Stored items from a collection
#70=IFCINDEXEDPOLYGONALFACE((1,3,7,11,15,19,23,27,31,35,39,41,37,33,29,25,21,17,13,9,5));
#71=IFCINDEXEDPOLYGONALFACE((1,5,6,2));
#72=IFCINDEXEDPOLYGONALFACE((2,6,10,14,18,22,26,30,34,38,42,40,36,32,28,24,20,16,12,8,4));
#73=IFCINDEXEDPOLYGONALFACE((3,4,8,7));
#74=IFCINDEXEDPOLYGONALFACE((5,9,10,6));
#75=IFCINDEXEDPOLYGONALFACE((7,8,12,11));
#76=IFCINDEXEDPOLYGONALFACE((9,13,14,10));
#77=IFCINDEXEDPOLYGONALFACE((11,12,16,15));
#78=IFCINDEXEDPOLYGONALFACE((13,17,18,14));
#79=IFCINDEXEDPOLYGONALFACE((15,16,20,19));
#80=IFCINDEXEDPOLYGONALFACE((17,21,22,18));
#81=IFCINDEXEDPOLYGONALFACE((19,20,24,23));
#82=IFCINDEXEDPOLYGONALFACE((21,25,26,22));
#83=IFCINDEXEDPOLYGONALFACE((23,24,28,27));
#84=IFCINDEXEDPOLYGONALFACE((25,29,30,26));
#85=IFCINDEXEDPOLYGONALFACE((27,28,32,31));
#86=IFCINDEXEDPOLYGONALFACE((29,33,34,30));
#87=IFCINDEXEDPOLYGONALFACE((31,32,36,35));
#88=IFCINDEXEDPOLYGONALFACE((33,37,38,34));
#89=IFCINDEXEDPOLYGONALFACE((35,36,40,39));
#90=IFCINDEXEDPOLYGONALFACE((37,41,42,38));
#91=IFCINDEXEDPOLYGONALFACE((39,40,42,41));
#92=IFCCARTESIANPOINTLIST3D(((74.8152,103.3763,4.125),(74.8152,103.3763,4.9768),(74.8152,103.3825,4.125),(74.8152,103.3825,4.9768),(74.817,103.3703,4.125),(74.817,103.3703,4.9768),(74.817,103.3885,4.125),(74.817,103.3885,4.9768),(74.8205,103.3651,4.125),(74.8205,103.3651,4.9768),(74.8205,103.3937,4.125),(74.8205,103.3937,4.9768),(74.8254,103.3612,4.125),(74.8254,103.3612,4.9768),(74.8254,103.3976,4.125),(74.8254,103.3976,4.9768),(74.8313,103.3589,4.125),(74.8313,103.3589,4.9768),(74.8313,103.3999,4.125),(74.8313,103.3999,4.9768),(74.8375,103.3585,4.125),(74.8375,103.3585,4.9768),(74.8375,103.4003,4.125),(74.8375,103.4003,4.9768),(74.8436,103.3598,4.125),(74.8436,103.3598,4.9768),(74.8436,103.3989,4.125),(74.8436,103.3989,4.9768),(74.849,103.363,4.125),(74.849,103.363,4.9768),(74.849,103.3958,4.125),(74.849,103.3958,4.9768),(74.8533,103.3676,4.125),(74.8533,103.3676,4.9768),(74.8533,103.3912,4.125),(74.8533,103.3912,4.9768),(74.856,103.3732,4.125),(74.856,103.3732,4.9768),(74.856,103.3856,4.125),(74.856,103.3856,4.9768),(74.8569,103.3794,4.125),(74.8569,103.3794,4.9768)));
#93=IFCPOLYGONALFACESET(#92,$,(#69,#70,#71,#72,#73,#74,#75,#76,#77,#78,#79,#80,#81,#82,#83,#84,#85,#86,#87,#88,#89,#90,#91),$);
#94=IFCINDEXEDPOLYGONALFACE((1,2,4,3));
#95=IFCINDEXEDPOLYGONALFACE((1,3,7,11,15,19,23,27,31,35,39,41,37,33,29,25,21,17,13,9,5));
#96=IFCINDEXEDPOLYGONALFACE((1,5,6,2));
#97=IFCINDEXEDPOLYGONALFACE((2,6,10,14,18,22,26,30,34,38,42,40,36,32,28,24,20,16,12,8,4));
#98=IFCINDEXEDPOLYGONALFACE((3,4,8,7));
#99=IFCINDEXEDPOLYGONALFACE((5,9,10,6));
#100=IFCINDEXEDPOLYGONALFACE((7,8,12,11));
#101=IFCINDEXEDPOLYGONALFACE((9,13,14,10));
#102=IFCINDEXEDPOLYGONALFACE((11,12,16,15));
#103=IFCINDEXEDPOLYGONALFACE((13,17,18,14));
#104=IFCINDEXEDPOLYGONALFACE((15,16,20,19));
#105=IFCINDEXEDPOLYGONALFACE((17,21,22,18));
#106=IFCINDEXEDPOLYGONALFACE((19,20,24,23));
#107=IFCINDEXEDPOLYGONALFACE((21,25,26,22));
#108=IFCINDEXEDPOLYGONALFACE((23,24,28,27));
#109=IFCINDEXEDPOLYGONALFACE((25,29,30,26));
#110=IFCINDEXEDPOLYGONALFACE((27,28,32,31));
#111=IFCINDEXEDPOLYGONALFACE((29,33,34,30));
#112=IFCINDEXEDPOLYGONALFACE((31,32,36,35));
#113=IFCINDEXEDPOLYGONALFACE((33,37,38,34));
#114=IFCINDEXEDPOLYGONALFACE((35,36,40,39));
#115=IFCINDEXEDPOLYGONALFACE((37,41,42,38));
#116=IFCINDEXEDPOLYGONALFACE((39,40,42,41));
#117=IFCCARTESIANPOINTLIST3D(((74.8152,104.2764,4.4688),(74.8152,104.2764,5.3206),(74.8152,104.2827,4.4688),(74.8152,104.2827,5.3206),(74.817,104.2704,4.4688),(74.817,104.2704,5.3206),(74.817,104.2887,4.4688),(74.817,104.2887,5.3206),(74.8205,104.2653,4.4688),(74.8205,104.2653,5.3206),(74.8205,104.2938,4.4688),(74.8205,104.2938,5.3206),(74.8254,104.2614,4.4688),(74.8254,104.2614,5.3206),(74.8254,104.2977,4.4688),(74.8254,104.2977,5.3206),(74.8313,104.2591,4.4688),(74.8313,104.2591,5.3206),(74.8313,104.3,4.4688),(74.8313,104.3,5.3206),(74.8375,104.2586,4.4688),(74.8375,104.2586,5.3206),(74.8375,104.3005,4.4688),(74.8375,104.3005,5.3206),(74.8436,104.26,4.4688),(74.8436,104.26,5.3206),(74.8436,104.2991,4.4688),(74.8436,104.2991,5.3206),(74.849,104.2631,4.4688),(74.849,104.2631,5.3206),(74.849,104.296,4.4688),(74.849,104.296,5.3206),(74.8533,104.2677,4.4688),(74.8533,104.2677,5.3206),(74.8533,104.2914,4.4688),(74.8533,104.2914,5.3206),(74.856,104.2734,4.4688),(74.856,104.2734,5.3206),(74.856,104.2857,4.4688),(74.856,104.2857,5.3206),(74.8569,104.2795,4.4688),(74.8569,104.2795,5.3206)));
* * *
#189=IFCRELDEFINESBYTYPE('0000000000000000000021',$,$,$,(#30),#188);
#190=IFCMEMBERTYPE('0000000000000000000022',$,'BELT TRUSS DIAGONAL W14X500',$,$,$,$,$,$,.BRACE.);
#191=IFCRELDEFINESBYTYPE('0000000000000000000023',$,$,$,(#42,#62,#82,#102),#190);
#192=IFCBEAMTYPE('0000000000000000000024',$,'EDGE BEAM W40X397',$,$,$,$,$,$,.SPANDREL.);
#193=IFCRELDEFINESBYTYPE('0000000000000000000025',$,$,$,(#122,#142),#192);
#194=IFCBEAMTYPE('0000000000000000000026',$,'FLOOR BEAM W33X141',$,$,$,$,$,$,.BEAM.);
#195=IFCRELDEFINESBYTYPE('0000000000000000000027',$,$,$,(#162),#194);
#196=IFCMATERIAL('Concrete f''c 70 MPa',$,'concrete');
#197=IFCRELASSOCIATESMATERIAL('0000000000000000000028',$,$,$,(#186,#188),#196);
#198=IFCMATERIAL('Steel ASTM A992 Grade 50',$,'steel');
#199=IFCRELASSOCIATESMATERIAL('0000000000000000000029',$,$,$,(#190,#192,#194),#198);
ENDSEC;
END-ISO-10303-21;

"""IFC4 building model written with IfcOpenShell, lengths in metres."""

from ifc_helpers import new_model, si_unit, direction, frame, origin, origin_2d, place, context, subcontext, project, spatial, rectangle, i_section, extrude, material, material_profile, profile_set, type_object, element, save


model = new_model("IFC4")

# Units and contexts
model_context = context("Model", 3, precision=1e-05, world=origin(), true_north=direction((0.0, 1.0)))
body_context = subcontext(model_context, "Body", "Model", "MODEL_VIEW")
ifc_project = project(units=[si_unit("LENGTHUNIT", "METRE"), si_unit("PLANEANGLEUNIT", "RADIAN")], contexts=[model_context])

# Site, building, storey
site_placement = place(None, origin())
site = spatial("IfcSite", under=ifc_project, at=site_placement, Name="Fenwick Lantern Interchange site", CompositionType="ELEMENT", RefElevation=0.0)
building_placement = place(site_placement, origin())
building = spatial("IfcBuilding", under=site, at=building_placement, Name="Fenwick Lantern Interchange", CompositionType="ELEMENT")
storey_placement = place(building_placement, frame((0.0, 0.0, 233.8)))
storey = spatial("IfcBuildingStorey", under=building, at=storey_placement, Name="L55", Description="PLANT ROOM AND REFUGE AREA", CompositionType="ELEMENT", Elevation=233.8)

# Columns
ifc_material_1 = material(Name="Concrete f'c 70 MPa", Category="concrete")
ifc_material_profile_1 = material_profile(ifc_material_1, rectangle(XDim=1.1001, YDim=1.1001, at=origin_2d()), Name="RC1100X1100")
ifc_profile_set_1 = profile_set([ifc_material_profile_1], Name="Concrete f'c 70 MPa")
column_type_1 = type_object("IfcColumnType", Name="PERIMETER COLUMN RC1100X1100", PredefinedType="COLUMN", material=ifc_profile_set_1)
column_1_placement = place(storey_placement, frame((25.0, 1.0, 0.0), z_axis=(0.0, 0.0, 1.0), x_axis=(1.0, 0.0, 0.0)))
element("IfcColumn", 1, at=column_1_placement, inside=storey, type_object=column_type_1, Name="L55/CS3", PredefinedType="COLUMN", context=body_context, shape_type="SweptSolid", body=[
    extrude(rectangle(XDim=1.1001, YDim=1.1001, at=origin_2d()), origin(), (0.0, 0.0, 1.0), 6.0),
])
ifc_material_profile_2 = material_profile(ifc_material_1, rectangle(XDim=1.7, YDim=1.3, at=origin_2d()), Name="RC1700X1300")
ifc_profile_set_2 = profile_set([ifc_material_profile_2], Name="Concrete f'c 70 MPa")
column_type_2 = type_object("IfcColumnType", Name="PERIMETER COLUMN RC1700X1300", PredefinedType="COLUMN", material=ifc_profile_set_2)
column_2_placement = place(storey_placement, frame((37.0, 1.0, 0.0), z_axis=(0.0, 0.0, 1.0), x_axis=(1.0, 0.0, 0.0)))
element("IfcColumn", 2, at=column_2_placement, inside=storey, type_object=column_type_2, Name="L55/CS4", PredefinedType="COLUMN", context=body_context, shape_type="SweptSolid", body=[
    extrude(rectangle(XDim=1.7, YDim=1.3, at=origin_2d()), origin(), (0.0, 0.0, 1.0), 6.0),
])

Task to complete.
Copy the lines above exactly. Start with the line containing "#75=IFCINDEXEDPOLYGONALFACE((7,8,12,11));", end with the line containing "#90=IFCINDEXEDPOLYGONALFACE((37,41,42,38));", and include both.

Response to the task.
#75=IFCINDEXEDPOLYGONALFACE((7,8,12,11));
#76=IFCINDEXEDPOLYGONALFACE((9,13,14,10));
#77=IFCINDEXEDPOLYGONALFACE((11,12,16,15));
#78=IFCINDEXEDPOLYGONALFACE((13,17,18,14));
#79=IFCINDEXEDPOLYGONALFACE((15,16,20,19));
#80=IFCINDEXEDPOLYGONALFACE((17,21,22,18));
#81=IFCINDEXEDPOLYGONALFACE((19,20,24,23));
#82=IFCINDEXEDPOLYGONALFACE((21,25,26,22));
#83=IFCINDEXEDPOLYGONALFACE((23,24,28,27));
#84=IFCINDEXEDPOLYGONALFACE((25,29,30,26));
#85=IFCINDEXEDPOLYGONALFACE((27,28,32,31));
#86=IFCINDEXEDPOLYGONALFACE((29,33,34,30));
#87=IFCINDEXEDPOLYGONALFACE((31,32,36,35));
#88=IFCINDEXEDPOLYGONALFACE((33,37,38,34));
#89=IFCINDEXEDPOLYGONALFACE((35,36,40,39));
#90=IFCINDEXEDPOLYGONALFACE((37,41,42,38));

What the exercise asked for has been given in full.